◆ Exercise input
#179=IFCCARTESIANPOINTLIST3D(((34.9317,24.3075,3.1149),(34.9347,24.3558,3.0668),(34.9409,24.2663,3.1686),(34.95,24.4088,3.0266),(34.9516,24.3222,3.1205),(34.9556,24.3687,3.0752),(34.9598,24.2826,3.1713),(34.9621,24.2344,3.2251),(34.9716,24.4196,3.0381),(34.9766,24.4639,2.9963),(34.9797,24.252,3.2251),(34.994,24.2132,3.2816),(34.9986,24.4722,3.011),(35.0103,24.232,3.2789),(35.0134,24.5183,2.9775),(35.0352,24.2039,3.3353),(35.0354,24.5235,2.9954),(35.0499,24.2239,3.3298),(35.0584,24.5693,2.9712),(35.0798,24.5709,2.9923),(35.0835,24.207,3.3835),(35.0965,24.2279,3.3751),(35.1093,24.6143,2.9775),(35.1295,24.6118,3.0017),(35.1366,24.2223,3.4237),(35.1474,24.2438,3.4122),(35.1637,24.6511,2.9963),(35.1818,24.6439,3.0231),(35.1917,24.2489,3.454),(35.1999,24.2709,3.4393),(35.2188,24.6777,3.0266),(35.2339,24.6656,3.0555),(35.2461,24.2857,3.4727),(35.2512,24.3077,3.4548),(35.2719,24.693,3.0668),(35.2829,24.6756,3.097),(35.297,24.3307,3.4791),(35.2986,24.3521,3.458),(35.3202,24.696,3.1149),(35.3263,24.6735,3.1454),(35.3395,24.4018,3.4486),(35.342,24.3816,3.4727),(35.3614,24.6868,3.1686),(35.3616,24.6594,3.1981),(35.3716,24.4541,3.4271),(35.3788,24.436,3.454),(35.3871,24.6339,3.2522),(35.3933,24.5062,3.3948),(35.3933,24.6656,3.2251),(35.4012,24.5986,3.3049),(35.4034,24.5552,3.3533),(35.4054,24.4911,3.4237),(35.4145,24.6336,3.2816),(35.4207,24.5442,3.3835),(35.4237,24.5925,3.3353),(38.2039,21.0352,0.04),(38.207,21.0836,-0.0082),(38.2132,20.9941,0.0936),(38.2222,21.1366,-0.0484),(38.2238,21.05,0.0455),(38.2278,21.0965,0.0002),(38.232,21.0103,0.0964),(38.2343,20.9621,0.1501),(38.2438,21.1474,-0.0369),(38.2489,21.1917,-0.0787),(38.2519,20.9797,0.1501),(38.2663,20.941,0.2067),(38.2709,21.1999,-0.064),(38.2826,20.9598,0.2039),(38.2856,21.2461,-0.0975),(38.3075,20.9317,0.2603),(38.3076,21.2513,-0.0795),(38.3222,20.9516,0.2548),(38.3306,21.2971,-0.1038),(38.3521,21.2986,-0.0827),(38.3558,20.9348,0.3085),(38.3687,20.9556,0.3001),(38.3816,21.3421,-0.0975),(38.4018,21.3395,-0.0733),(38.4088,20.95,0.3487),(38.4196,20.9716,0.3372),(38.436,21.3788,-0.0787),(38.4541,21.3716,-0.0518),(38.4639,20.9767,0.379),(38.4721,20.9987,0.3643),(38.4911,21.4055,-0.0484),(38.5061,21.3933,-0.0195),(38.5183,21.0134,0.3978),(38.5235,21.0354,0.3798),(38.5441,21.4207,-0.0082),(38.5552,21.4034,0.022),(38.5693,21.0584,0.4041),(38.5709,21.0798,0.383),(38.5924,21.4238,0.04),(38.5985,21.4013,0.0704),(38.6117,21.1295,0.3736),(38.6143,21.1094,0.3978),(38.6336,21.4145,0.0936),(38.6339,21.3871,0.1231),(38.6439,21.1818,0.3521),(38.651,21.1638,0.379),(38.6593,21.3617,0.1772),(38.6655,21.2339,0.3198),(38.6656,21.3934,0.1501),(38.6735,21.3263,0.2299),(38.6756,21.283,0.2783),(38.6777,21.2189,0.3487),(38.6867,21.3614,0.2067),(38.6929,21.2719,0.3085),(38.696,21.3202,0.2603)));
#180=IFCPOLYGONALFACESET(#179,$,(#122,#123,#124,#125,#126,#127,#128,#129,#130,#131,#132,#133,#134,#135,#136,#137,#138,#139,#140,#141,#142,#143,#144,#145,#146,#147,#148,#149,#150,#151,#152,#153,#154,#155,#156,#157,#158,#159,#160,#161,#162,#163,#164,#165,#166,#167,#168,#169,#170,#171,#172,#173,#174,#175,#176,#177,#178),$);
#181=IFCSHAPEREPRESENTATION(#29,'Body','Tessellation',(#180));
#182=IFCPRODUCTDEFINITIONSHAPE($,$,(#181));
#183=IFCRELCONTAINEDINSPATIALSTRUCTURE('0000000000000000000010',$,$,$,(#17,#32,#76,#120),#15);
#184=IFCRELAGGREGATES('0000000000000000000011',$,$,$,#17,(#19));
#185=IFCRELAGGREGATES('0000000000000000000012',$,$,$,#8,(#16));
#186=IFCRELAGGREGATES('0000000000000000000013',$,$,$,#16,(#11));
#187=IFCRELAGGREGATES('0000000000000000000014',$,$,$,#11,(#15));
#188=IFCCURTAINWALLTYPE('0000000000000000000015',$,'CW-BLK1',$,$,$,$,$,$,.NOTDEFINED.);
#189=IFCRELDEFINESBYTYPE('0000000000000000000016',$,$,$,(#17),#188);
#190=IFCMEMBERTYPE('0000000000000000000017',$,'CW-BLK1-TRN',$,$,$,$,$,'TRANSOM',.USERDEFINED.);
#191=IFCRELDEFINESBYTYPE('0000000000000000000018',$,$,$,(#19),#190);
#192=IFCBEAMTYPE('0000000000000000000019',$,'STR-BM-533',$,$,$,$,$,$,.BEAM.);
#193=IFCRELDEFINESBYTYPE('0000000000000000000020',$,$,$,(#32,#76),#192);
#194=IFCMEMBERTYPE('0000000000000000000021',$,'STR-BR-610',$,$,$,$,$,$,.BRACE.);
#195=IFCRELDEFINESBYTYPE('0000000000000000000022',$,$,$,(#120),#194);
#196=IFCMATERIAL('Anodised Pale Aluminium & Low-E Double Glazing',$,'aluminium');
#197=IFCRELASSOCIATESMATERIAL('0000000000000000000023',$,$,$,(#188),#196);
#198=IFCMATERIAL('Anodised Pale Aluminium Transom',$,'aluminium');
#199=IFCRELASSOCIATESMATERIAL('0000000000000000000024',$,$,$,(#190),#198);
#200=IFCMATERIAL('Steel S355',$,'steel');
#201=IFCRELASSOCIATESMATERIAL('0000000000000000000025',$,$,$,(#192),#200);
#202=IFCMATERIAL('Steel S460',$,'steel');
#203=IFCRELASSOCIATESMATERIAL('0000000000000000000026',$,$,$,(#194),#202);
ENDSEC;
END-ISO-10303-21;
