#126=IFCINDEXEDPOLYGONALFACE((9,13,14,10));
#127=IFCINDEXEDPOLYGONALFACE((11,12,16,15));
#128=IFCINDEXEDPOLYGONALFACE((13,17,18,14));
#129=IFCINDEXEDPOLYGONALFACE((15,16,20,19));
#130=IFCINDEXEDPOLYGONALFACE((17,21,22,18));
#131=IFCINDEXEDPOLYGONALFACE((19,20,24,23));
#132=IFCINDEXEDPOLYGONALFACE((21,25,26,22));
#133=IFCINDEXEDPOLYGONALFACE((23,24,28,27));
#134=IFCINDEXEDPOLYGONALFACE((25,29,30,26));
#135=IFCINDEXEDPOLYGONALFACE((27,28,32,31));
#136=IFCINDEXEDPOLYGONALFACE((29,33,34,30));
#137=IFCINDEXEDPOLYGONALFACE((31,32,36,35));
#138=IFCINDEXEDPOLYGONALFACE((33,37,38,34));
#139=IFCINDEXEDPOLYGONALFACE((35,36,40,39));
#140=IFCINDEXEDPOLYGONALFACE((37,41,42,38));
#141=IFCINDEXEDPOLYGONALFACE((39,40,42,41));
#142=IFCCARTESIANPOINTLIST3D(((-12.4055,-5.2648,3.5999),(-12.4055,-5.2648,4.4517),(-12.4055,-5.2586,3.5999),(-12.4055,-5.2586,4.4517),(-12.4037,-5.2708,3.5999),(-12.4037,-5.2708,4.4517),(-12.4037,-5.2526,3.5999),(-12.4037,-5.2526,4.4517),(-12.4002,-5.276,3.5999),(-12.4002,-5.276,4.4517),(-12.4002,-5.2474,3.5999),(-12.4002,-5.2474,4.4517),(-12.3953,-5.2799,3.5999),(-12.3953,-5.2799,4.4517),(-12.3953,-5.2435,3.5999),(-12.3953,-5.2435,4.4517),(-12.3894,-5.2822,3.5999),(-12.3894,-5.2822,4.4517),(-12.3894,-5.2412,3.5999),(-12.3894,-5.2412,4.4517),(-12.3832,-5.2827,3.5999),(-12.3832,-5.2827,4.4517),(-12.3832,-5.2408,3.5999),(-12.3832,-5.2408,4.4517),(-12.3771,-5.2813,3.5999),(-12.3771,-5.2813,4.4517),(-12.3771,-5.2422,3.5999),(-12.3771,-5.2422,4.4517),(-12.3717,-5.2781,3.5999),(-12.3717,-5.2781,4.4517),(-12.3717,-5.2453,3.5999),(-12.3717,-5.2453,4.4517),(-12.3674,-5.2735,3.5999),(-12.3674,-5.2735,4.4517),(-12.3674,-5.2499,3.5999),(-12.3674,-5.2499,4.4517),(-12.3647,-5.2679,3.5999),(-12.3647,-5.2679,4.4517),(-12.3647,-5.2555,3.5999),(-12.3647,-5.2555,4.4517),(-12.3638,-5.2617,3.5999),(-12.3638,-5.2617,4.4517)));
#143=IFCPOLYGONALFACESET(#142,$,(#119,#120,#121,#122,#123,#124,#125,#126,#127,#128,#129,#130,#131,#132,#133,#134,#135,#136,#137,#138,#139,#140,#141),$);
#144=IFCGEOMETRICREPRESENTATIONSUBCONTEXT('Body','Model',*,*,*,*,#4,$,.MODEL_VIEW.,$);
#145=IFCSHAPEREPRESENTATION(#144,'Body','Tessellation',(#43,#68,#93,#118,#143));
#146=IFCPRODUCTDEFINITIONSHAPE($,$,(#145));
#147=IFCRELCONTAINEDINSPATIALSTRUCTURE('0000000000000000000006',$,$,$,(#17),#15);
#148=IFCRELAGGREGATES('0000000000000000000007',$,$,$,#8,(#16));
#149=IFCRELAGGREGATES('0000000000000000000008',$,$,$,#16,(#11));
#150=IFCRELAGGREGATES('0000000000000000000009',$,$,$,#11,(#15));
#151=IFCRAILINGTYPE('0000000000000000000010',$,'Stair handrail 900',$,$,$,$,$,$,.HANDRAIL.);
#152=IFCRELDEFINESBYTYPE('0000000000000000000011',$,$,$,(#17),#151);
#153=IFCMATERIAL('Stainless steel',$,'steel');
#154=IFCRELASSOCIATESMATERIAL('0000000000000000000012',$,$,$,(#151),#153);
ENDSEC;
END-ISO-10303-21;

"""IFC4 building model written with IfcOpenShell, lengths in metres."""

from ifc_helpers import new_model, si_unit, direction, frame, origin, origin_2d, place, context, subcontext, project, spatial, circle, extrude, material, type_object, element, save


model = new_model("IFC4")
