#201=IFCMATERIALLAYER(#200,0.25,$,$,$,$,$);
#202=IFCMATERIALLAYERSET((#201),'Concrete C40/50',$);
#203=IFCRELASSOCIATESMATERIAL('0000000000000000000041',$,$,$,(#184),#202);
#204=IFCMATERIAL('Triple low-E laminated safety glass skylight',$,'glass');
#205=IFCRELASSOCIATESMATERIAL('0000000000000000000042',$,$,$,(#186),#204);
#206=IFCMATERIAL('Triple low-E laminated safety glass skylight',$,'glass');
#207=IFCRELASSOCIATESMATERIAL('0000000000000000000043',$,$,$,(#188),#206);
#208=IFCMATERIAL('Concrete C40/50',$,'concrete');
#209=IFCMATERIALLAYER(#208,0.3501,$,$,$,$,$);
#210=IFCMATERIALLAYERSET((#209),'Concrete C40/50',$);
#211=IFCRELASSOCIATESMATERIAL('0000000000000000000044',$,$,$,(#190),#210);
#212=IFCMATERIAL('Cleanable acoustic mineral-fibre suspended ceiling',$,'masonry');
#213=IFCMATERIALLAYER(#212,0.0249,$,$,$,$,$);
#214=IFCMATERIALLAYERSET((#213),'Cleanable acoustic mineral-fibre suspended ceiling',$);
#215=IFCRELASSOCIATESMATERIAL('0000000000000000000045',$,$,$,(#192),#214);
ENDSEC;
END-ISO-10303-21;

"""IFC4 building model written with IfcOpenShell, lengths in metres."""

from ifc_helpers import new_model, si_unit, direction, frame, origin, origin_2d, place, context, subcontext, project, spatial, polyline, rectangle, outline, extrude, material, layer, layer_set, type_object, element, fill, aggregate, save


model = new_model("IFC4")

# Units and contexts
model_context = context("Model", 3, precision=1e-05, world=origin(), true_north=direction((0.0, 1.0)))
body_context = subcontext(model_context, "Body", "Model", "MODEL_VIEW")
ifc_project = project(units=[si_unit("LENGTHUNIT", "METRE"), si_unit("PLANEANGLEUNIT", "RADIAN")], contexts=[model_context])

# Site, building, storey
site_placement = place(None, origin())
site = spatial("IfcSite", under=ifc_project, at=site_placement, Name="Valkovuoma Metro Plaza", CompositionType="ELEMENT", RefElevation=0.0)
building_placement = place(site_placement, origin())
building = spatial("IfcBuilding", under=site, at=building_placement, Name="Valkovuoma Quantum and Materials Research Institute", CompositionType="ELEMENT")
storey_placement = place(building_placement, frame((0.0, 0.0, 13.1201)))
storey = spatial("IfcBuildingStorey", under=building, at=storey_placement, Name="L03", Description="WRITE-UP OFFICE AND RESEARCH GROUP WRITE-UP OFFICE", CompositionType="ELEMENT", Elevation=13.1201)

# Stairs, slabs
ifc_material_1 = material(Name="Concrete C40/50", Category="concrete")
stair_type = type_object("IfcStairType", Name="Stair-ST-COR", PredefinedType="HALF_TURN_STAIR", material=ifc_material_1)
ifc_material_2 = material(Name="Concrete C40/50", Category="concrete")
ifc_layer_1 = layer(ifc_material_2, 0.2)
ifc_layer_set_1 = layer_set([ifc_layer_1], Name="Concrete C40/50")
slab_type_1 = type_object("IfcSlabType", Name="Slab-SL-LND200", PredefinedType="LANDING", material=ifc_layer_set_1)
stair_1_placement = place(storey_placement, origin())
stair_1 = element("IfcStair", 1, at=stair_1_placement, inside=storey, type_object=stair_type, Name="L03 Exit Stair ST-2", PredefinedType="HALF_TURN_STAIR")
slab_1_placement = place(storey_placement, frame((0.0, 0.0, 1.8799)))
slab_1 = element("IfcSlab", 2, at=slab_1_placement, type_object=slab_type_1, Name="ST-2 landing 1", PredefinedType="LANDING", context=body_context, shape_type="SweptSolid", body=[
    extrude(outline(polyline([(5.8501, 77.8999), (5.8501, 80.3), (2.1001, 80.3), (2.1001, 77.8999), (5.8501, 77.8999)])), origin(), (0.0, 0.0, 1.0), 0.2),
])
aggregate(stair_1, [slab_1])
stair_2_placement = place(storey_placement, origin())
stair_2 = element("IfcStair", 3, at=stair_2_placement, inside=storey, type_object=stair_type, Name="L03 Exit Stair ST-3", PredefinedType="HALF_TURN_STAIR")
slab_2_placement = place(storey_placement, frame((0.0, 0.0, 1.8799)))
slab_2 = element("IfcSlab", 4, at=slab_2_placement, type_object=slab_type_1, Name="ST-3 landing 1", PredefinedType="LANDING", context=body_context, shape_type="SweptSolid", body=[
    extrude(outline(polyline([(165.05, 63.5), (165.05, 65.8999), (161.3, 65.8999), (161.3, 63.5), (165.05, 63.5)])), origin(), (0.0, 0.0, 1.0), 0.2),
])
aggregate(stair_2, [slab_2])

◆ Task to complete
Say how many lines in this material hold "IFCMATERIALLAYERSET", and say nothing else.

◆ Written reply
3